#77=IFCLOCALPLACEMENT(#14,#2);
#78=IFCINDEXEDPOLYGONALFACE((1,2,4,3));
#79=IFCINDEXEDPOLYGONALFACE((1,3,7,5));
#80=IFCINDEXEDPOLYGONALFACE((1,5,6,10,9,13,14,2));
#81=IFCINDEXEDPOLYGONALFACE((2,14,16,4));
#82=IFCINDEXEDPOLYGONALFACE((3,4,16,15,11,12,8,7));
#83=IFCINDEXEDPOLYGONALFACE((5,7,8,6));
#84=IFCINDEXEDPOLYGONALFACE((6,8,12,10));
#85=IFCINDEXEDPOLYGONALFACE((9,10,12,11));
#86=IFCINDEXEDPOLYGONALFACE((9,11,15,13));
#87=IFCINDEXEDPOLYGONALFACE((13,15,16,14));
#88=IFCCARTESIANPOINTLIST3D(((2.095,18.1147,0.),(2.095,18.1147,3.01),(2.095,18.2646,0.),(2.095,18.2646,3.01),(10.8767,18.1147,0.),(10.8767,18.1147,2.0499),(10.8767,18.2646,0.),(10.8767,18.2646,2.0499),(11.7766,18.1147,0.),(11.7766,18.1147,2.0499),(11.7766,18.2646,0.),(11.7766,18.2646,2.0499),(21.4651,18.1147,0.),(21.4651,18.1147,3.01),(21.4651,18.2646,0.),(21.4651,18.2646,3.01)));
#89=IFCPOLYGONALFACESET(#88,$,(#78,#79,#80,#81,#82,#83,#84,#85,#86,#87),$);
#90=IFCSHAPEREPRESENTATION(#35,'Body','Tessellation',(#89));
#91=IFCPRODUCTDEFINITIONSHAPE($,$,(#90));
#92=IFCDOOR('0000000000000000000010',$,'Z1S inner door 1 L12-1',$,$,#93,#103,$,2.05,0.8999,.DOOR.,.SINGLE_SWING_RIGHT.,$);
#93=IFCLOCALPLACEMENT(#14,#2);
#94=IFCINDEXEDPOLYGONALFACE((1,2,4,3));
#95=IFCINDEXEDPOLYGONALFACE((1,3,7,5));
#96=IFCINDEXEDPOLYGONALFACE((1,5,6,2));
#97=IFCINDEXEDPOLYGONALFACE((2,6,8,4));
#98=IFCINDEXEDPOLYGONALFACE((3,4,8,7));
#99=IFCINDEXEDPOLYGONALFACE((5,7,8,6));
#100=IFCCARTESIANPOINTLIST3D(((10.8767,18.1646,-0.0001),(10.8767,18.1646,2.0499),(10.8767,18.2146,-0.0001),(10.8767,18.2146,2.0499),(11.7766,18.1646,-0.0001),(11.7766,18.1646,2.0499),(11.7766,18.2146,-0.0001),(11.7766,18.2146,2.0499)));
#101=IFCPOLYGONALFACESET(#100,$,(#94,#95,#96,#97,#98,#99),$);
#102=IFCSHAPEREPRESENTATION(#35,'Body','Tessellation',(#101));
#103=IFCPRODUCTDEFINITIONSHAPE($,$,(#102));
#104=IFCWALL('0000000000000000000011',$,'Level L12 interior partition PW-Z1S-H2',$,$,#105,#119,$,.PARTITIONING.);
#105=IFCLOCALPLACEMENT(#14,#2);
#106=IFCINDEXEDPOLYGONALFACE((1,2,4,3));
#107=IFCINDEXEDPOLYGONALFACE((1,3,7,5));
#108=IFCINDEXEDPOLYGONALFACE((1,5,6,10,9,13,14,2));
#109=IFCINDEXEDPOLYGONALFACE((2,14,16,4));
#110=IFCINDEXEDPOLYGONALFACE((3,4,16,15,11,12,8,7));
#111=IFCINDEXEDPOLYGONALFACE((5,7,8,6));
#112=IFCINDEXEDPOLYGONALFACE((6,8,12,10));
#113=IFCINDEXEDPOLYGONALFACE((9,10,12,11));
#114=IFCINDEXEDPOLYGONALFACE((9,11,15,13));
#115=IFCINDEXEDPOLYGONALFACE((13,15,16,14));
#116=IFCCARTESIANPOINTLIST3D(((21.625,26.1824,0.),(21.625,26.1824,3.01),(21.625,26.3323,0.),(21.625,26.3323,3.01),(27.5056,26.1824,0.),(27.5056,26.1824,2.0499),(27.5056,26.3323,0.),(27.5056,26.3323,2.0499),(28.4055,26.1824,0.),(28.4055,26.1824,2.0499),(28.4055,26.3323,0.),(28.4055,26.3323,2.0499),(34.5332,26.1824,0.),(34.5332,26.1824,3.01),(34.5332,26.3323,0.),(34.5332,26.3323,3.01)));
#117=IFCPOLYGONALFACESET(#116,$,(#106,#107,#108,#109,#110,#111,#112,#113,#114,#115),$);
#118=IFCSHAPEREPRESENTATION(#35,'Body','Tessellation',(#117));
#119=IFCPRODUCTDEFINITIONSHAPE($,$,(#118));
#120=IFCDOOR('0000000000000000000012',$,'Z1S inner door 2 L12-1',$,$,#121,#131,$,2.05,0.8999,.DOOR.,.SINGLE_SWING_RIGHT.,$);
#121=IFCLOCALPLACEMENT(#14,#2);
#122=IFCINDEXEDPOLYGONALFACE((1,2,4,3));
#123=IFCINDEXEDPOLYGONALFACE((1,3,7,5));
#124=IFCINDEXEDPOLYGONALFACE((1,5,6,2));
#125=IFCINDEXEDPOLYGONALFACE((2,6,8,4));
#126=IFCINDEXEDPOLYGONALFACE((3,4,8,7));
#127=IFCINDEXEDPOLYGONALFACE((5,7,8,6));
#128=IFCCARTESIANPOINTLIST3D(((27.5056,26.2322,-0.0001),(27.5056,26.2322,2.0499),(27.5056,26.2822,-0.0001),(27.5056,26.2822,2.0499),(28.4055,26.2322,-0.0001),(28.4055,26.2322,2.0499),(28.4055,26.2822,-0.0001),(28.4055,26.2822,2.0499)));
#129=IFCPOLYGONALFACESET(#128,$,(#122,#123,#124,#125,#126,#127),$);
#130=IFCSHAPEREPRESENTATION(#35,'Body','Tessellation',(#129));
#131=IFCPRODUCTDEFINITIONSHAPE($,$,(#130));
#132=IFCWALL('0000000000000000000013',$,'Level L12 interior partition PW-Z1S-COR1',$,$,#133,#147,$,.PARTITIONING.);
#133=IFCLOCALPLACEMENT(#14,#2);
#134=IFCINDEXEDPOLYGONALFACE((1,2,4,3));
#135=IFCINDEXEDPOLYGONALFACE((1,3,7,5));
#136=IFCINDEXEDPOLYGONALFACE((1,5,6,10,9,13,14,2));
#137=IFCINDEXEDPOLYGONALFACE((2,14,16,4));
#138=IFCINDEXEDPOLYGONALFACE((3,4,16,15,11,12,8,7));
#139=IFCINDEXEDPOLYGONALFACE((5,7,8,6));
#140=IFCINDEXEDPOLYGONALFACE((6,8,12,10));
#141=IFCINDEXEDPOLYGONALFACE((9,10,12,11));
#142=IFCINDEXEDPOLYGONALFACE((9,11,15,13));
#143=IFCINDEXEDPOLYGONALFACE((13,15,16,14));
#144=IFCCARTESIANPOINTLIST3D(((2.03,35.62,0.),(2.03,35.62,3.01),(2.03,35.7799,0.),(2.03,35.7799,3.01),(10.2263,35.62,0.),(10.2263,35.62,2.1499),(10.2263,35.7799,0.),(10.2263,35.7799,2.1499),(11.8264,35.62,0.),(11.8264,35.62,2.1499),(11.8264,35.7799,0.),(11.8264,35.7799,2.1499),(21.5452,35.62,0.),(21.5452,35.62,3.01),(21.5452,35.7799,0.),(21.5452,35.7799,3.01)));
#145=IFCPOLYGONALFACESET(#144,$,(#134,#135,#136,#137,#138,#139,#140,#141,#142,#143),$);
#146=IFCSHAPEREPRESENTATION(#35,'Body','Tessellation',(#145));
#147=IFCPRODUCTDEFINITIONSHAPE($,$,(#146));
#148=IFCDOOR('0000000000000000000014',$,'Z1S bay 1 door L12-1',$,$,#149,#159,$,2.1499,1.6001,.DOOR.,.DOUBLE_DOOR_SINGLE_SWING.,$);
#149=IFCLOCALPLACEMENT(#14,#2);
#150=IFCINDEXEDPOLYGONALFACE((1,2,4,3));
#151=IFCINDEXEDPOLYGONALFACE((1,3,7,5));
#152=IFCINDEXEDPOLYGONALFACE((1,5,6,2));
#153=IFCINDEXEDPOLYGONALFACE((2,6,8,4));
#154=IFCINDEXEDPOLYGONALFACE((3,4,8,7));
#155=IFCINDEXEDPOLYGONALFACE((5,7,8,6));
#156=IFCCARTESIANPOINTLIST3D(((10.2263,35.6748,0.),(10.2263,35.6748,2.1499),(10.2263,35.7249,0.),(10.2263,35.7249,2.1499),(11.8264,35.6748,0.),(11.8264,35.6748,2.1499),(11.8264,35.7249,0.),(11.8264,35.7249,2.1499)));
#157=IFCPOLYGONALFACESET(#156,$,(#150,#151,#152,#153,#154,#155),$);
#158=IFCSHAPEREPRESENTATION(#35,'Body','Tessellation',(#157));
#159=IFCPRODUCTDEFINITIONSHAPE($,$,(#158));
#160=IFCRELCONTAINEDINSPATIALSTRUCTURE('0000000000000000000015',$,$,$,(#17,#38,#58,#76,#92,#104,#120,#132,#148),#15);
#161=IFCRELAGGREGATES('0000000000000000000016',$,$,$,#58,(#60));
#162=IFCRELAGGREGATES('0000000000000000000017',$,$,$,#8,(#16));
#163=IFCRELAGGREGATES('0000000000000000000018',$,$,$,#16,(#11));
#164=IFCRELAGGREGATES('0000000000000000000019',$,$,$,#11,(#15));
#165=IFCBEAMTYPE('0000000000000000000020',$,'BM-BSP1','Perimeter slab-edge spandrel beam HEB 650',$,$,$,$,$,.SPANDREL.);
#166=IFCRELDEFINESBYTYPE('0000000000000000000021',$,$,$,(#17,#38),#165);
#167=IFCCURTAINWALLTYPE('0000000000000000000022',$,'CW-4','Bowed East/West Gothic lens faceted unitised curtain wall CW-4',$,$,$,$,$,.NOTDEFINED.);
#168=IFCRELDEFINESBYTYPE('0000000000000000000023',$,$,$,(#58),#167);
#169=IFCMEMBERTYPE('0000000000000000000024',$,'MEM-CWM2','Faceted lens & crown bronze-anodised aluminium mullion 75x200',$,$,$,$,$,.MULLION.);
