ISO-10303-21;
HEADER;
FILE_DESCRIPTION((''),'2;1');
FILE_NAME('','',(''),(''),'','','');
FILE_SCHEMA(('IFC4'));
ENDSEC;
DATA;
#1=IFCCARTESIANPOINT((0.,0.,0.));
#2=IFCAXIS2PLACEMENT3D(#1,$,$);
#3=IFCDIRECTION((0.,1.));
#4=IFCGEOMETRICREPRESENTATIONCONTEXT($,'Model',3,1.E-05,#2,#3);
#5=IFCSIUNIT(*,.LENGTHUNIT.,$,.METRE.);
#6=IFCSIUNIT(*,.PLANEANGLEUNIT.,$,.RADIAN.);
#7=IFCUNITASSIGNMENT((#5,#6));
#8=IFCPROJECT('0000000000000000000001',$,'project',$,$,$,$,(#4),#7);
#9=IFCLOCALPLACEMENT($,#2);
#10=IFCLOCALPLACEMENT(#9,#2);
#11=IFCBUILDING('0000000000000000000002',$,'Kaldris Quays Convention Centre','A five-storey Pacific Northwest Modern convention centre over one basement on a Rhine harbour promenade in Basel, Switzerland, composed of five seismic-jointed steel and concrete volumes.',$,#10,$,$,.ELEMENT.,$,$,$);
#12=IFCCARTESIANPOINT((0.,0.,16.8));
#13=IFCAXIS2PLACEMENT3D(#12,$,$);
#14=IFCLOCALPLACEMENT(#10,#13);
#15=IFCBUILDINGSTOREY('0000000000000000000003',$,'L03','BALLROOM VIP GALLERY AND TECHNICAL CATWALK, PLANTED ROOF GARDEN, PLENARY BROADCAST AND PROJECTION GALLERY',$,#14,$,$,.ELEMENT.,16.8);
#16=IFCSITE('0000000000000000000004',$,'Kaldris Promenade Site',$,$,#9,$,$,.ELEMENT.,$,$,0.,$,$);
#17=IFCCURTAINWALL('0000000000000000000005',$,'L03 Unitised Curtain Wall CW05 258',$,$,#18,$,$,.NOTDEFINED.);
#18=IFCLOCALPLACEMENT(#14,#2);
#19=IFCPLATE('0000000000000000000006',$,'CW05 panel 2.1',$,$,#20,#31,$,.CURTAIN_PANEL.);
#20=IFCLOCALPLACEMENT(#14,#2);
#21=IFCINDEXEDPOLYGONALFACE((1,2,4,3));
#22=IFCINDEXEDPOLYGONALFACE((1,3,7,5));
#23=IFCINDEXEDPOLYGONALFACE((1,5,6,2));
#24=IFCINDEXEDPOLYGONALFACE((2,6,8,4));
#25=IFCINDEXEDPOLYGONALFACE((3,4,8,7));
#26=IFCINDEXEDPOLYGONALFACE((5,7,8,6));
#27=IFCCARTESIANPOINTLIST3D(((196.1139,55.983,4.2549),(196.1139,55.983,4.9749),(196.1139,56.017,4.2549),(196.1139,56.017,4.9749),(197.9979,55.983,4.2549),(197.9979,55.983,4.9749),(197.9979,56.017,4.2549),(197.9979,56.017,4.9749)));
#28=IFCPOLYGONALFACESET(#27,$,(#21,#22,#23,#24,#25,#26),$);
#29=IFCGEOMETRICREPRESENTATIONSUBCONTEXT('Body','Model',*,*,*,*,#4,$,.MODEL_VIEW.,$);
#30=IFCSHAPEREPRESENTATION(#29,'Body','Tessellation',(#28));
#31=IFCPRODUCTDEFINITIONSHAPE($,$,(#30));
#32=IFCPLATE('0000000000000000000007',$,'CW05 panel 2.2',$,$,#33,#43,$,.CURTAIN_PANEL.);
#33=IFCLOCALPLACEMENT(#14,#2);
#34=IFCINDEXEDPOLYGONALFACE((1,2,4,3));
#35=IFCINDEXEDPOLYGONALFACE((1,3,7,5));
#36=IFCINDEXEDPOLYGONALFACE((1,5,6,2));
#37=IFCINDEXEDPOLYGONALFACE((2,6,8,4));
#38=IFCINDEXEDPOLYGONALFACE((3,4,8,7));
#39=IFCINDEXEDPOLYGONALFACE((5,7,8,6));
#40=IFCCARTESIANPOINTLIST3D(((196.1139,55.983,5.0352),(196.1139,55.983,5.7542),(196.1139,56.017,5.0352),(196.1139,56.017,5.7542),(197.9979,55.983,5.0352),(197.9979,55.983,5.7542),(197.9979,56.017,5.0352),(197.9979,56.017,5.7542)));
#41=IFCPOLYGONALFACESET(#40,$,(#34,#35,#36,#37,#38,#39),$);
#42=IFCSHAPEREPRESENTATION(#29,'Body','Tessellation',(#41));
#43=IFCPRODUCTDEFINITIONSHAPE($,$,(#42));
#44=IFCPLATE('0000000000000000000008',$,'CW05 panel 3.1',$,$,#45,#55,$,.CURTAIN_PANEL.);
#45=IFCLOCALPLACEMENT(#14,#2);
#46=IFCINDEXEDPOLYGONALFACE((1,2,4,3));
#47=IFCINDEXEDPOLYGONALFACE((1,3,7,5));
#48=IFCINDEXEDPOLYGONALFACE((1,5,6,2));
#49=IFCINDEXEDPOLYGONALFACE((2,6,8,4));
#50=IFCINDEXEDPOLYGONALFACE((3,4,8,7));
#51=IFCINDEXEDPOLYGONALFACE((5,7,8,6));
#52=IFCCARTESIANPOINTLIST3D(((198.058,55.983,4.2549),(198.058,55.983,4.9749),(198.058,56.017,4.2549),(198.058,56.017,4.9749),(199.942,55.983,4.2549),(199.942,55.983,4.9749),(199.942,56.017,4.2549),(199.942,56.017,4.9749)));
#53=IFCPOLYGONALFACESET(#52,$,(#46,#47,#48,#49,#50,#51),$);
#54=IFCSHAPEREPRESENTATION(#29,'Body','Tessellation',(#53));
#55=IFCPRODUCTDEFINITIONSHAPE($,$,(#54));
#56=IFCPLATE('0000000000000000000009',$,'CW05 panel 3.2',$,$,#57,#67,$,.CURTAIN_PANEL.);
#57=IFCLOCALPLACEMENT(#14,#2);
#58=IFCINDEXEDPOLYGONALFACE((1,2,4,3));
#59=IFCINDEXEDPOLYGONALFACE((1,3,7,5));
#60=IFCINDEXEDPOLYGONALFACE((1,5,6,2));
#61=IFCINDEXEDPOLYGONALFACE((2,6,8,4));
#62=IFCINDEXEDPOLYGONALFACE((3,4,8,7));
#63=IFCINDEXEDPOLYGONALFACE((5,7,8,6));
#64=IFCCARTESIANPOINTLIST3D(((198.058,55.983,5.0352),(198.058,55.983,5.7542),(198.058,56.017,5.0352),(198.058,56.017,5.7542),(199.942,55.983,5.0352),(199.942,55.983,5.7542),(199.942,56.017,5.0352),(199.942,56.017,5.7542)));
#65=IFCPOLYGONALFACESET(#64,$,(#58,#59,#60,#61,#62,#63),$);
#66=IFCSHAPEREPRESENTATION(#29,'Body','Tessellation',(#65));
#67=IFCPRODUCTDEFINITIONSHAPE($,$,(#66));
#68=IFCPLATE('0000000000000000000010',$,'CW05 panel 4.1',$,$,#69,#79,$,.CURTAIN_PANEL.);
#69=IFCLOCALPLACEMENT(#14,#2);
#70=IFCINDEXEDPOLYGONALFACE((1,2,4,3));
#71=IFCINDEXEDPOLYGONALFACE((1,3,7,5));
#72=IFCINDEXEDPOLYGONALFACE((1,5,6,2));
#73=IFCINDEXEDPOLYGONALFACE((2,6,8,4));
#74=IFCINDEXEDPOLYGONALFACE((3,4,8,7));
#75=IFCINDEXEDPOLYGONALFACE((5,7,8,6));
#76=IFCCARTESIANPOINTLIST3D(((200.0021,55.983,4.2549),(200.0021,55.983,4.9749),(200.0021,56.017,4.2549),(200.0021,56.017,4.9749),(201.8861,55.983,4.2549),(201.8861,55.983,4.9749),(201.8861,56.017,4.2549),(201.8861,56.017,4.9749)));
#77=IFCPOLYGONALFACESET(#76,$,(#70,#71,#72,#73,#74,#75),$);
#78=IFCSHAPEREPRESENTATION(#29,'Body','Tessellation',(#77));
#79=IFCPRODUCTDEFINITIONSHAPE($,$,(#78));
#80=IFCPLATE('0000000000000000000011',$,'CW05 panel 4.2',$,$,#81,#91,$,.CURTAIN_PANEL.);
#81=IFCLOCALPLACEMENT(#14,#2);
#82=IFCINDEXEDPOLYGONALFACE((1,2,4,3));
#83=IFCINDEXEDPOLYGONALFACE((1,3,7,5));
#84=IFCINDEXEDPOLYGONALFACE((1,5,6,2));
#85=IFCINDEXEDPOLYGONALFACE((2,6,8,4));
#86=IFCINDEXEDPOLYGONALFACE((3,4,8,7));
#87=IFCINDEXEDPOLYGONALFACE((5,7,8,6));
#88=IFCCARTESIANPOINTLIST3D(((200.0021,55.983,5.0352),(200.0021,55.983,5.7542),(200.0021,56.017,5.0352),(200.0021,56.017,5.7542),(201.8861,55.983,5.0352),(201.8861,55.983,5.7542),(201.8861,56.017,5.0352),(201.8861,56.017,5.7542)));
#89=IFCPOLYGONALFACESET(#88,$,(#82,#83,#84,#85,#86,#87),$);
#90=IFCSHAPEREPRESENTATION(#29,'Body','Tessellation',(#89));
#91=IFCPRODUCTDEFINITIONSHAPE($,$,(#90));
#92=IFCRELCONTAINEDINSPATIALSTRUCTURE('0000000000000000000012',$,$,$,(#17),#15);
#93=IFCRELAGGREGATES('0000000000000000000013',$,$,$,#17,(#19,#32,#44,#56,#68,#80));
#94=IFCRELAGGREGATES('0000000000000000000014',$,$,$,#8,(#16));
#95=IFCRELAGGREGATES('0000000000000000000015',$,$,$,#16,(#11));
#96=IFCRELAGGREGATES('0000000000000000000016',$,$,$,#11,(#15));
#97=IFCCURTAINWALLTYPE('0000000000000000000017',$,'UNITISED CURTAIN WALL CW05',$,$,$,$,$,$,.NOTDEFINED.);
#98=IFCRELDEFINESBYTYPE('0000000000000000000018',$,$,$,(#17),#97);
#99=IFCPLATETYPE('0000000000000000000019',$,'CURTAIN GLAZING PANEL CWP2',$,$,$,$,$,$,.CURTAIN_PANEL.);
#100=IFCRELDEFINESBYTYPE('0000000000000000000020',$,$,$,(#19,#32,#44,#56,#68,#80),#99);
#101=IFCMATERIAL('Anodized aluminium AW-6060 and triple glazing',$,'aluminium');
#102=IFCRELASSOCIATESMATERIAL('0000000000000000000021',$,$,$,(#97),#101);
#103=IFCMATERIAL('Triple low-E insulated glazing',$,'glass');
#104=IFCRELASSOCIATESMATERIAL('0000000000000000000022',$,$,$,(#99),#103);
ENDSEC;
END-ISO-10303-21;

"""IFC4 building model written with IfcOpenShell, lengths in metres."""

from ifc_helpers import new_model, si_unit, direction, frame, origin, origin_2d, place, context, subcontext, project, spatial, rectangle, extrude, material, type_object, element, aggregate, save


model = new_model("IFC4")

# Units and contexts
model_context = context("Model", 3, precision=1e-05, world=origin(), true_north=direction((0.0, 1.0)))
body_context = subcontext(model_context, "Body", "Model", "MODEL_VIEW")
ifc_project = project(units=[si_unit("LENGTHUNIT", "METRE"), si_unit("PLANEANGLEUNIT", "RADIAN")], contexts=[model_context])

# Site, building, storey
site_placement = place(None, origin())
site = spatial("IfcSite", under=ifc_project, at=site_placement, Name="Kaldris Promenade Site", CompositionType="ELEMENT", RefElevation=0.0)
building_placement = place(site_placement, origin())
building = spatial("IfcBuilding", under=site, at=building_placement, Name="Kaldris Quays Convention Centre", Description="A five-storey Pacific Northwest Modern convention centre over one basement on a Rhine harbour promenade in Basel, Switzerland, composed of five seismic-jointed steel and concrete volumes.", CompositionType="ELEMENT")
storey_placement = place(building_placement, frame((0.0, 0.0, 16.8)))
storey = spatial("IfcBuildingStorey", under=building, at=storey_placement, Name="L03", Description="BALLROOM VIP GALLERY AND TECHNICAL CATWALK, PLANTED ROOF GARDEN, PLENARY BROADCAST AND PROJECTION GALLERY", CompositionType="ELEMENT", Elevation=16.8)

# Curtain wall
ifc_material_1 = material(Name="Anodized aluminium AW-6060 and triple glazing", Category="aluminium")
curtain_wall_type = type_object("IfcCurtainWallType", Name="UNITISED CURTAIN WALL CW05", PredefinedType="NOTDEFINED", material=ifc_material_1)
curtain_wall_placement = place(storey_placement, origin())
curtain_wall = element("IfcCurtainWall", 1, at=curtain_wall_placement, inside=storey, type_object=curtain_wall_type, Name="L03 Unitised Curtain Wall CW05 258", PredefinedType="NOTDEFINED")

# Plates
ifc_material_2 = material(Name="Triple low-E insulated glazing", Category="glass")
plate_type = type_object("IfcPlateType", Name="CURTAIN GLAZING PANEL CWP2", PredefinedType="CURTAIN_PANEL", material=ifc_material_2)
plate_1_placement = place(storey_placement, frame((197.0559, 56.0, 4.2549), z_axis=(0.0, 0.0, 1.0), x_axis=(1.0, 0.0, 0.0)))
plate_1 = element("IfcPlate", 2, at=plate_1_placement, type_object=plate_type, Name="CW05 panel 2.1", PredefinedType="CURTAIN_PANEL", context=body_context, shape_type="SweptSolid", body=[
    extrude(rectangle(XDim=1.884, YDim=0.0339, at=origin_2d()), origin(), (0.0, 0.0, 1.0), 0.72),
])
plate_2_placement = place(storey_placement, frame((197.0559, 56.0, 5.0352), z_axis=(0.0, 0.0, 1.0), x_axis=(1.0, 0.0, 0.0)))
plate_2 = element("IfcPlate", 3, at=plate_2_placement, type_object=plate_type, Name="CW05 panel 2.2", PredefinedType="CURTAIN_PANEL", context=body_context, shape_type="SweptSolid", body=[
    extrude(rectangle(XDim=1.884, YDim=0.0339, at=origin_2d()), origin(), (0.0, 0.0, 1.0), 0.719),
])
plate_3_placement = place(storey_placement, frame((199.0, 56.0, 4.2549), z_axis=(0.0, 0.0, 1.0), x_axis=(1.0, 0.0, 0.0)))
plate_3 = element("IfcPlate", 4, at=plate_3_placement, type_object=plate_type, Name="CW05 panel 3.1", PredefinedType="CURTAIN_PANEL", context=body_context, shape_type="SweptSolid", body=[
    extrude(rectangle(XDim=1.884, YDim=0.0339, at=origin_2d()), origin(), (0.0, 0.0, 1.0), 0.72),
])
plate_4_placement = place(storey_placement, frame((199.0, 56.0, 5.0352), z_axis=(0.0, 0.0, 1.0), x_axis=(1.0, 0.0, 0.0)))
plate_4 = element("IfcPlate", 5, at=plate_4_placement, type_object=plate_type, Name="CW05 panel 3.2", PredefinedType="CURTAIN_PANEL", context=body_context, shape_type="SweptSolid", body=[
    extrude(rectangle(XDim=1.884, YDim=0.0339, at=origin_2d()), origin(), (0.0, 0.0, 1.0), 0.719),
])
plate_5_placement = place(storey_placement, frame((200.9441, 56.0, 4.2549), z_axis=(0.0, 0.0, 1.0), x_axis=(1.0, 0.0, 0.0)))
plate_5 = element("IfcPlate", 6, at=plate_5_placement, type_object=plate_type, Name="CW05 panel 4.1", PredefinedType="CURTAIN_PANEL", context=body_context, shape_type="SweptSolid", body=[
    extrude(rectangle(XDim=1.884, YDim=0.0339, at=origin_2d()), origin(), (0.0, 0.0, 1.0), 0.72),
])
plate_6_placement = place(storey_placement, frame((200.9441, 56.0, 5.0352), z_axis=(0.0, 0.0, 1.0), x_axis=(1.0, 0.0, 0.0)))
plate_6 = element("IfcPlate", 7, at=plate_6_placement, type_object=plate_type, Name="CW05 panel 4.2", PredefinedType="CURTAIN_PANEL", context=body_context, shape_type="SweptSolid", body=[
    extrude(rectangle(XDim=1.884, YDim=0.0339, at=origin_2d()), origin(), (0.0, 0.0, 1.0), 0.719),
])
aggregate(curtain_wall, [plate_1, plate_2, plate_3, plate_4, plate_5, plate_6])

save(model, "model.ifc")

⁂

Where the string "partition" occurs in a line of the listing, copy the line.

#104=IFCWALL('0000000000000000000011',$,'Level L12 interior partition PW-Z1S-H2',$,$,#105,#119,$,.PARTITIONING.);
#132=IFCWALL('0000000000000000000013',$,'Level L12 interior partition PW-Z1S-COR1',$,$,#133,#147,$,.PARTITIONING.);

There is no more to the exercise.